**TASK DETAILS**
Work through the data below and copy out every line where "Tessellation" is found.

Stored items
== Segment start ==
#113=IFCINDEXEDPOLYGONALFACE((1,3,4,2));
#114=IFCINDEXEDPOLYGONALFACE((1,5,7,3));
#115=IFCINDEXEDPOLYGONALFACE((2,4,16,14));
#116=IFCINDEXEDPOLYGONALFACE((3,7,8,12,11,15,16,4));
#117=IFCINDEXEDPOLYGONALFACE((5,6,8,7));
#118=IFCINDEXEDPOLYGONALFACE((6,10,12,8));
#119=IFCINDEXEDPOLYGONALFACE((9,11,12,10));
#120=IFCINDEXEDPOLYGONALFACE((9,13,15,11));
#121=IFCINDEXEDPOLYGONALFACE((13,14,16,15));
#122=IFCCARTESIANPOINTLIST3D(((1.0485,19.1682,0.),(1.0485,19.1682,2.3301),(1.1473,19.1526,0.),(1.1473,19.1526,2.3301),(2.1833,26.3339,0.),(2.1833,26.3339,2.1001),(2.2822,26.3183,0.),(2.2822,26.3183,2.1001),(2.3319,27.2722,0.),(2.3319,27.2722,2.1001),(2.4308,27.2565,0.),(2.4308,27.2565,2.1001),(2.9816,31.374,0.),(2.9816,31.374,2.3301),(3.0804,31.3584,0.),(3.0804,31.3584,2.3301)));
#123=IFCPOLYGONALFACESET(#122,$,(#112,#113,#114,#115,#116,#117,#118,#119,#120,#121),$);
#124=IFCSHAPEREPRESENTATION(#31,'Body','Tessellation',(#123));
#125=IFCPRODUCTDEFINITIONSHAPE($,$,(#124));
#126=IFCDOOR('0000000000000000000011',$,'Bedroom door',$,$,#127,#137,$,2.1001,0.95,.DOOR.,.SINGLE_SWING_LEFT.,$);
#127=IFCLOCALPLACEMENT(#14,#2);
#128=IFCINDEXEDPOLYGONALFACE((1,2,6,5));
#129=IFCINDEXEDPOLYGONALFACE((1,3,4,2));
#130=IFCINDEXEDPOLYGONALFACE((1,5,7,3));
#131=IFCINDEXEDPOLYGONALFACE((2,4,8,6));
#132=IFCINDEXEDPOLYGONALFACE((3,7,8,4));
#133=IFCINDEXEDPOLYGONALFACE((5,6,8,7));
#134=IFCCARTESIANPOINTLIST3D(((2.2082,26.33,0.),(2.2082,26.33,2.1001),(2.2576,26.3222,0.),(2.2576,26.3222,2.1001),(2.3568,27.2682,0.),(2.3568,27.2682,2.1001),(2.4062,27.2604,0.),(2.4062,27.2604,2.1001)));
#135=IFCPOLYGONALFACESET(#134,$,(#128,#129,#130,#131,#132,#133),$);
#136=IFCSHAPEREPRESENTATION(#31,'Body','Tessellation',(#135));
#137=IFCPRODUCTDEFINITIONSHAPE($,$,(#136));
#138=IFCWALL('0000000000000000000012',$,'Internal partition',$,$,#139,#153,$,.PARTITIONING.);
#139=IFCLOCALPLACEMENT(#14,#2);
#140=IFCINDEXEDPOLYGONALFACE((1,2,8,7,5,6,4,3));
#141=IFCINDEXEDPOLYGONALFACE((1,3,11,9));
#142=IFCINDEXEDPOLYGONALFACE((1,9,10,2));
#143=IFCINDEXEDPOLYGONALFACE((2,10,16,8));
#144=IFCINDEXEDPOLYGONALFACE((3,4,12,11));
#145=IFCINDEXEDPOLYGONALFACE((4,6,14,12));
== Segment end ==
**SOLUTION**
#124=IFCSHAPEREPRESENTATION(#31,'Body','Tessellation',(#123));
#136=IFCSHAPEREPRESENTATION(#31,'Body','Tessellation',(#135));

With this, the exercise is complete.